[What needs to be done]:
Exactly the lines starting at the line containing "#157=IFCRELAGGREGATES('0000000000000000000014',$,$,$,#11,(#15));" and ending at the line containing "#172=IFCMATERIAL('Steel ASTM A992" are to be written out from the listing below, both included.

[Extracted data]:
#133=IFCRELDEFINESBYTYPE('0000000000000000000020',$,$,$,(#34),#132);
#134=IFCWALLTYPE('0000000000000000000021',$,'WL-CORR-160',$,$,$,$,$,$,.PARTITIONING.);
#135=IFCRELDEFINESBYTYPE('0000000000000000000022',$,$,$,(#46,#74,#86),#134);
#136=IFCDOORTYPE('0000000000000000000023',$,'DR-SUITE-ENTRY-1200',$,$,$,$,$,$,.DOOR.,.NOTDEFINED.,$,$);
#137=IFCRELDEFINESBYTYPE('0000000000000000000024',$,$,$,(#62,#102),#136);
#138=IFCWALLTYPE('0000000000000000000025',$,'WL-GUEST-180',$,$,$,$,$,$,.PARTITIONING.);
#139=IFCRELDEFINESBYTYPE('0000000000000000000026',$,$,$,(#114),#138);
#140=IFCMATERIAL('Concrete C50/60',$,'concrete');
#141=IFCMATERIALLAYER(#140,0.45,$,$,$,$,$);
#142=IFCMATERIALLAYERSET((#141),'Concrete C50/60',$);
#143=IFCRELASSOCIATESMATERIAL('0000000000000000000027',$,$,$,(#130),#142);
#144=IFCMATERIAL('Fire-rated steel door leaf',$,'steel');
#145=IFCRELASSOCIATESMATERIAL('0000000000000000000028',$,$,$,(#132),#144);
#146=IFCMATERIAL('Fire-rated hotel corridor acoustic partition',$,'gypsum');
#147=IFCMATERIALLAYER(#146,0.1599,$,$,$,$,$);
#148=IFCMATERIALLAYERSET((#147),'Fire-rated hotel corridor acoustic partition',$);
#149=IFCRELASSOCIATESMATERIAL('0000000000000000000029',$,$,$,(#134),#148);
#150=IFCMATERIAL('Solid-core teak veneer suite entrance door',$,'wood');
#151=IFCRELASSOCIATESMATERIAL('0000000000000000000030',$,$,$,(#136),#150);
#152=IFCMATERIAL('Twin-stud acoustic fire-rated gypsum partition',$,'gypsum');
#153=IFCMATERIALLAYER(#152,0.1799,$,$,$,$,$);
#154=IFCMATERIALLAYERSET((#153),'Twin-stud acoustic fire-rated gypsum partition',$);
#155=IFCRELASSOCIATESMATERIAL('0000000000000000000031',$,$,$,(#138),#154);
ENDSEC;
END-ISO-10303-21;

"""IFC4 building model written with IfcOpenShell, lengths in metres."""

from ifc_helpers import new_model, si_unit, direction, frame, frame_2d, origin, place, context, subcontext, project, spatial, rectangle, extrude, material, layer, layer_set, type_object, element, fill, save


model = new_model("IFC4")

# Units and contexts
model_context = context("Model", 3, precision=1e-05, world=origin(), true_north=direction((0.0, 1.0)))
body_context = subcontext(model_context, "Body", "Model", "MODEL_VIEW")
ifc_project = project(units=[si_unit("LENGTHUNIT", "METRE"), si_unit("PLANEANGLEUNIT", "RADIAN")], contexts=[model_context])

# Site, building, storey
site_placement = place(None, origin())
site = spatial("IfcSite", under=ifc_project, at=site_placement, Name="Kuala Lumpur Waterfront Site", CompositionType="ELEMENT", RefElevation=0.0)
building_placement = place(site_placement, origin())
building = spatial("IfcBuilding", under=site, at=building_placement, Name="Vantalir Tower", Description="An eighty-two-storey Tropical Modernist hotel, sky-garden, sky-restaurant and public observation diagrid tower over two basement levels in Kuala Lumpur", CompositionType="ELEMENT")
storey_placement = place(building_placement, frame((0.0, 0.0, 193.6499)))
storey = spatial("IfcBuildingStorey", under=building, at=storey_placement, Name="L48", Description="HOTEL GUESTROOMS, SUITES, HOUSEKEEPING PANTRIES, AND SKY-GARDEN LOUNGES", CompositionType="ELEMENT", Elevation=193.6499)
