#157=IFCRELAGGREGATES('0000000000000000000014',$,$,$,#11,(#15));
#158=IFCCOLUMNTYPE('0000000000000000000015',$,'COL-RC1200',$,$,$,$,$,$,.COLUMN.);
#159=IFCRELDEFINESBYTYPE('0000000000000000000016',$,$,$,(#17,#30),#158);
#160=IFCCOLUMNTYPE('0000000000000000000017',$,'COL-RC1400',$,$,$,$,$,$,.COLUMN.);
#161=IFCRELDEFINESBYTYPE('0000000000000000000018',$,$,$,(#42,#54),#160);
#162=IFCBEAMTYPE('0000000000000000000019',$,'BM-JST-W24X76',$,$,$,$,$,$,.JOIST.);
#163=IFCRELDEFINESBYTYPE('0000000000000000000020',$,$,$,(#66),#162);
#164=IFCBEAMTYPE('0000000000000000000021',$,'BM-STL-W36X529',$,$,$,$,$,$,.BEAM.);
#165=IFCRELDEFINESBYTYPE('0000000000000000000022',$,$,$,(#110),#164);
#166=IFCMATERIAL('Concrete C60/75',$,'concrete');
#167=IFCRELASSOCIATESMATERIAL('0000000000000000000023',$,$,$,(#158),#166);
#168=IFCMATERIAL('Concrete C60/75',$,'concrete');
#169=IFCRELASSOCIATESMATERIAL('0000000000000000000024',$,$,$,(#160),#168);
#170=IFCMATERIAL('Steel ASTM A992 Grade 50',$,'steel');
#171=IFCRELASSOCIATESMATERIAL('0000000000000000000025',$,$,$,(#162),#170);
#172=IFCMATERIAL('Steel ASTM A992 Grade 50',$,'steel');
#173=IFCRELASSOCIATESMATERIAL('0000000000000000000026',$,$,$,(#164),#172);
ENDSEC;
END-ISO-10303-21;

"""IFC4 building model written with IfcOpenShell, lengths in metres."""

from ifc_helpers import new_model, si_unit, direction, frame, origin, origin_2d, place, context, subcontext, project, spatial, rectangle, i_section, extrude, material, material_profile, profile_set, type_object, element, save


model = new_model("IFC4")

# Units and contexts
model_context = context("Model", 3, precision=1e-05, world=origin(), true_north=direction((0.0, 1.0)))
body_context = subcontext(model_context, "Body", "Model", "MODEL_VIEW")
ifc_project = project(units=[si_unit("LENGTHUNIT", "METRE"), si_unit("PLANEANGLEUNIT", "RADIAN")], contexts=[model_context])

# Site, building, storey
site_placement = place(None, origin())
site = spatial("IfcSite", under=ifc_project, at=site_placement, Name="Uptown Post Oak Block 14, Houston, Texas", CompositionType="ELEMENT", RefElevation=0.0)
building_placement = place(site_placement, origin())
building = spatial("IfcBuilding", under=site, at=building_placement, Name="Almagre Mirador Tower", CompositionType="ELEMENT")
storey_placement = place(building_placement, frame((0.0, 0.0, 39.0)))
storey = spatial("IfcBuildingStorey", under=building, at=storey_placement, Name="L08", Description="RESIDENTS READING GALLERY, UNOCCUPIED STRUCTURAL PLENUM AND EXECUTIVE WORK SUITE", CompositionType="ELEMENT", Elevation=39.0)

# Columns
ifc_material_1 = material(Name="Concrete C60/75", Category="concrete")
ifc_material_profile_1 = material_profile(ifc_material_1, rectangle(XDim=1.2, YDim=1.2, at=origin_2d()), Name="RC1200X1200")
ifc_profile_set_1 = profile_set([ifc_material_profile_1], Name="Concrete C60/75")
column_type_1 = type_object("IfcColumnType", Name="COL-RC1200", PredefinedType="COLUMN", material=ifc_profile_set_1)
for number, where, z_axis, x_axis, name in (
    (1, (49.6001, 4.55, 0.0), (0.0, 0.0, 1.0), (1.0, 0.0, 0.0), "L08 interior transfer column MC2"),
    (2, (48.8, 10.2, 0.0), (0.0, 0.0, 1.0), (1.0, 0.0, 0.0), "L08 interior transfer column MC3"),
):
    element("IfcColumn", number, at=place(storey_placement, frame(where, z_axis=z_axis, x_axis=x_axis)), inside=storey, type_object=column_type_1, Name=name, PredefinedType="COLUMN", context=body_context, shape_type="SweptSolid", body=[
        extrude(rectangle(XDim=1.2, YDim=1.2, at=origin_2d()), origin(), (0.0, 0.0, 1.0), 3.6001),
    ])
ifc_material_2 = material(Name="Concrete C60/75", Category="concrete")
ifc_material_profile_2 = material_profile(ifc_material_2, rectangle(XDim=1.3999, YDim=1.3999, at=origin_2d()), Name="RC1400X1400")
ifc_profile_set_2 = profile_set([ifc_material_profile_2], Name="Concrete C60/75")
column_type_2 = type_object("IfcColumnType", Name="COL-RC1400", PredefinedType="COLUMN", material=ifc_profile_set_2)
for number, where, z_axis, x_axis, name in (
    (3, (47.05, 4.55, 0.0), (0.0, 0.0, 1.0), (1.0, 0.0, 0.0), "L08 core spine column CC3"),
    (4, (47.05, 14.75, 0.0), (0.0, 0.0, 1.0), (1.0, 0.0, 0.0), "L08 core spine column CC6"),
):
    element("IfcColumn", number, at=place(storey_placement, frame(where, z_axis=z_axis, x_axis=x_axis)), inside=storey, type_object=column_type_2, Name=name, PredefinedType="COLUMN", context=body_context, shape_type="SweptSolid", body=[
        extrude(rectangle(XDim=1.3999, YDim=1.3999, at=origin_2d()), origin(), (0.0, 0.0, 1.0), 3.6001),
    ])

[Final answer]:
#157=IFCRELAGGREGATES('0000000000000000000014',$,$,$,#11,(#15));
#158=IFCCOLUMNTYPE('0000000000000000000015',$,'COL-RC1200',$,$,$,$,$,$,.COLUMN.);
#159=IFCRELDEFINESBYTYPE('0000000000000000000016',$,$,$,(#17,#30),#158);
#160=IFCCOLUMNTYPE('0000000000000000000017',$,'COL-RC1400',$,$,$,$,$,$,.COLUMN.);
#161=IFCRELDEFINESBYTYPE('0000000000000000000018',$,$,$,(#42,#54),#160);
#162=IFCBEAMTYPE('0000000000000000000019',$,'BM-JST-W24X76',$,$,$,$,$,$,.JOIST.);
#163=IFCRELDEFINESBYTYPE('0000000000000000000020',$,$,$,(#66),#162);
#164=IFCBEAMTYPE('0000000000000000000021',$,'BM-STL-W36X529',$,$,$,$,$,$,.BEAM.);
#165=IFCRELDEFINESBYTYPE('0000000000000000000022',$,$,$,(#110),#164);
#166=IFCMATERIAL('Concrete C60/75',$,'concrete');
#167=IFCRELASSOCIATESMATERIAL('0000000000000000000023',$,$,$,(#158),#166);
#168=IFCMATERIAL('Concrete C60/75',$,'concrete');
#169=IFCRELASSOCIATESMATERIAL('0000000000000000000024',$,$,$,(#160),#168);
#170=IFCMATERIAL('Steel ASTM A992 Grade 50',$,'steel');
#171=IFCRELASSOCIATESMATERIAL('0000000000000000000025',$,$,$,(#162),#170);
#172=IFCMATERIAL('Steel ASTM A992 Grade 50',$,'steel');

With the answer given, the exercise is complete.